### Provided material
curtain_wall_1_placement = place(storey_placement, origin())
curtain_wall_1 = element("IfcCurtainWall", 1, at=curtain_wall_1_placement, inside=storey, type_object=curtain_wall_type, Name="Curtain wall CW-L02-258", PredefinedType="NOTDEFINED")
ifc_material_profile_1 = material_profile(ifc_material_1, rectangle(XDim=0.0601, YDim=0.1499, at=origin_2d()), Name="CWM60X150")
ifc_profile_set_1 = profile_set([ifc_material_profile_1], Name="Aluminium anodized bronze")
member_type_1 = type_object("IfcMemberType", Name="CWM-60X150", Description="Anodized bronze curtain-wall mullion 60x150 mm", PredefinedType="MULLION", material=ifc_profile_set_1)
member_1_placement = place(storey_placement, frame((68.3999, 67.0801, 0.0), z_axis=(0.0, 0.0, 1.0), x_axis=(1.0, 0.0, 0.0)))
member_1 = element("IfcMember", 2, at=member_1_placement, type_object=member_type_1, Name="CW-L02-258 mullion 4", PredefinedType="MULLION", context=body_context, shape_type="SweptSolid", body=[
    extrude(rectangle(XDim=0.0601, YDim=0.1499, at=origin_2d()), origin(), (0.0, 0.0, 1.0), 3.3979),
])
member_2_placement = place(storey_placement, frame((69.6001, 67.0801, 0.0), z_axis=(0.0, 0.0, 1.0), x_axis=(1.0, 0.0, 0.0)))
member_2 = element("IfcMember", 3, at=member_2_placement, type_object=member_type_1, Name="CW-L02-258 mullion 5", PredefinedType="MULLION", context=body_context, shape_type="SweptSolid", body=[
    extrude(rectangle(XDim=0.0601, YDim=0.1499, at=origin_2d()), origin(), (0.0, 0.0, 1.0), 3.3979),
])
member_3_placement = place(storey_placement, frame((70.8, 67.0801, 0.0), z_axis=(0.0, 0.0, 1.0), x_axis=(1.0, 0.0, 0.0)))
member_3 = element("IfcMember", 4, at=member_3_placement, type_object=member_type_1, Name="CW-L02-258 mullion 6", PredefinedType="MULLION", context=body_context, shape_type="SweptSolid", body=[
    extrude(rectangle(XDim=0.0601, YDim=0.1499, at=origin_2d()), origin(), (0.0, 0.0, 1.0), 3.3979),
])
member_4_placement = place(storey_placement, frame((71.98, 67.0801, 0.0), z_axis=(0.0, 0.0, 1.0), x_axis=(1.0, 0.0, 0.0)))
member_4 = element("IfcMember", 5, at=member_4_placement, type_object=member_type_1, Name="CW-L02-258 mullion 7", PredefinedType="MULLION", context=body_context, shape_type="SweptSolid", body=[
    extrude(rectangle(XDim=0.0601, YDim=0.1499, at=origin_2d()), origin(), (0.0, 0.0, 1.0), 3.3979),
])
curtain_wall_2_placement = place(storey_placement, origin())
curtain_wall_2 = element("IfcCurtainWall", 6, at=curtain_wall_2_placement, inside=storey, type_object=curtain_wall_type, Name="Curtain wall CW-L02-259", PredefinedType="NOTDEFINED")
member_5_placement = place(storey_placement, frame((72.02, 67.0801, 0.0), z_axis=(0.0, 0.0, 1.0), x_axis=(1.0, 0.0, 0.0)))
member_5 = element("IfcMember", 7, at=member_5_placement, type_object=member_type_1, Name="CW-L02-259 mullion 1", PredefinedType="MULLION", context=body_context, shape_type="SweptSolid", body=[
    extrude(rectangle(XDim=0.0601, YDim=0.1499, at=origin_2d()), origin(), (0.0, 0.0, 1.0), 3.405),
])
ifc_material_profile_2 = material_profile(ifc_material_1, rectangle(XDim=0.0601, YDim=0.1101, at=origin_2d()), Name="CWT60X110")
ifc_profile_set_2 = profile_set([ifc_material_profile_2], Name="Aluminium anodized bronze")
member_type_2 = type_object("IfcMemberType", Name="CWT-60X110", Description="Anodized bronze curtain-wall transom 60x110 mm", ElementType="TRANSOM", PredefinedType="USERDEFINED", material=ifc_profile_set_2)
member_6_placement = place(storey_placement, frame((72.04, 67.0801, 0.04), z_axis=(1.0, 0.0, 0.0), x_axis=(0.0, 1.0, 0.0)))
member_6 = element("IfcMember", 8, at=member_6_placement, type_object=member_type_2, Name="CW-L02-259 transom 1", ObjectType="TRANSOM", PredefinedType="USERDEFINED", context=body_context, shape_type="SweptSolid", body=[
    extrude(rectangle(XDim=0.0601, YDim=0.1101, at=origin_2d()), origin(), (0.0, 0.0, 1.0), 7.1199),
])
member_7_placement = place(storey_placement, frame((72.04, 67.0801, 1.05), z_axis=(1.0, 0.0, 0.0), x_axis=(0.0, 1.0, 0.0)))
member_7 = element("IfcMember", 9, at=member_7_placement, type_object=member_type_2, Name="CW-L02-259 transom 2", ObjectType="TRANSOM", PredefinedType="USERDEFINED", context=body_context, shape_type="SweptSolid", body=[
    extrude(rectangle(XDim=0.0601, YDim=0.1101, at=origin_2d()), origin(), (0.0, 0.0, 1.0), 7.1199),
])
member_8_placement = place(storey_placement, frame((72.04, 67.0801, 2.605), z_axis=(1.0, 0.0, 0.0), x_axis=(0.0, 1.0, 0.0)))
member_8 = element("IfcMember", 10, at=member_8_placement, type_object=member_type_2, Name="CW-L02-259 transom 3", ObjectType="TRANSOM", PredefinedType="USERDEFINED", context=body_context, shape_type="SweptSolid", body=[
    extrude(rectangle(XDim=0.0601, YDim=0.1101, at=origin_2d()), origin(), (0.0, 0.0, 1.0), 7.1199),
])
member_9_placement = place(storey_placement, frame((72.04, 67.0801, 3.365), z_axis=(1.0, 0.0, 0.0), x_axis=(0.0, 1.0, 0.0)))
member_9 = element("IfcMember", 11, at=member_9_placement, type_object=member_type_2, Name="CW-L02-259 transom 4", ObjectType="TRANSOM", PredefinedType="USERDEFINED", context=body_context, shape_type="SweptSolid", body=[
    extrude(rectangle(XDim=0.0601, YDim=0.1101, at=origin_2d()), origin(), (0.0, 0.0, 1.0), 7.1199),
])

### What to produce
From the line that holds "1.05), z_axis=(1.0, 0.0, 0.0), x_axis=(0.0, 1.0, 0.0)))" down to the last line of the material, copy every line exactly and add nothing.

### Exercise output
member_7_placement = place(storey_placement, frame((72.04, 67.0801, 1.05), z_axis=(1.0, 0.0, 0.0), x_axis=(0.0, 1.0, 0.0)))
member_7 = element("IfcMember", 9, at=member_7_placement, type_object=member_type_2, Name="CW-L02-259 transom 2", ObjectType="TRANSOM", PredefinedType="USERDEFINED", context=body_context, shape_type="SweptSolid", body=[
    extrude(rectangle(XDim=0.0601, YDim=0.1101, at=origin_2d()), origin(), (0.0, 0.0, 1.0), 7.1199),
])
member_8_placement = place(storey_placement, frame((72.04, 67.0801, 2.605), z_axis=(1.0, 0.0, 0.0), x_axis=(0.0, 1.0, 0.0)))
member_8 = element("IfcMember", 10, at=member_8_placement, type_object=member_type_2, Name="CW-L02-259 transom 3", ObjectType="TRANSOM", PredefinedType="USERDEFINED", context=body_context, shape_type="SweptSolid", body=[
    extrude(rectangle(XDim=0.0601, YDim=0.1101, at=origin_2d()), origin(), (0.0, 0.0, 1.0), 7.1199),
])
member_9_placement = place(storey_placement, frame((72.04, 67.0801, 3.365), z_axis=(1.0, 0.0, 0.0), x_axis=(0.0, 1.0, 0.0)))
member_9 = element("IfcMember", 11, at=member_9_placement, type_object=member_type_2, Name="CW-L02-259 transom 4", ObjectType="TRANSOM", PredefinedType="USERDEFINED", context=body_context, shape_type="SweptSolid", body=[
    extrude(rectangle(XDim=0.0601, YDim=0.1101, at=origin_2d()), origin(), (0.0, 0.0, 1.0), 7.1199),
])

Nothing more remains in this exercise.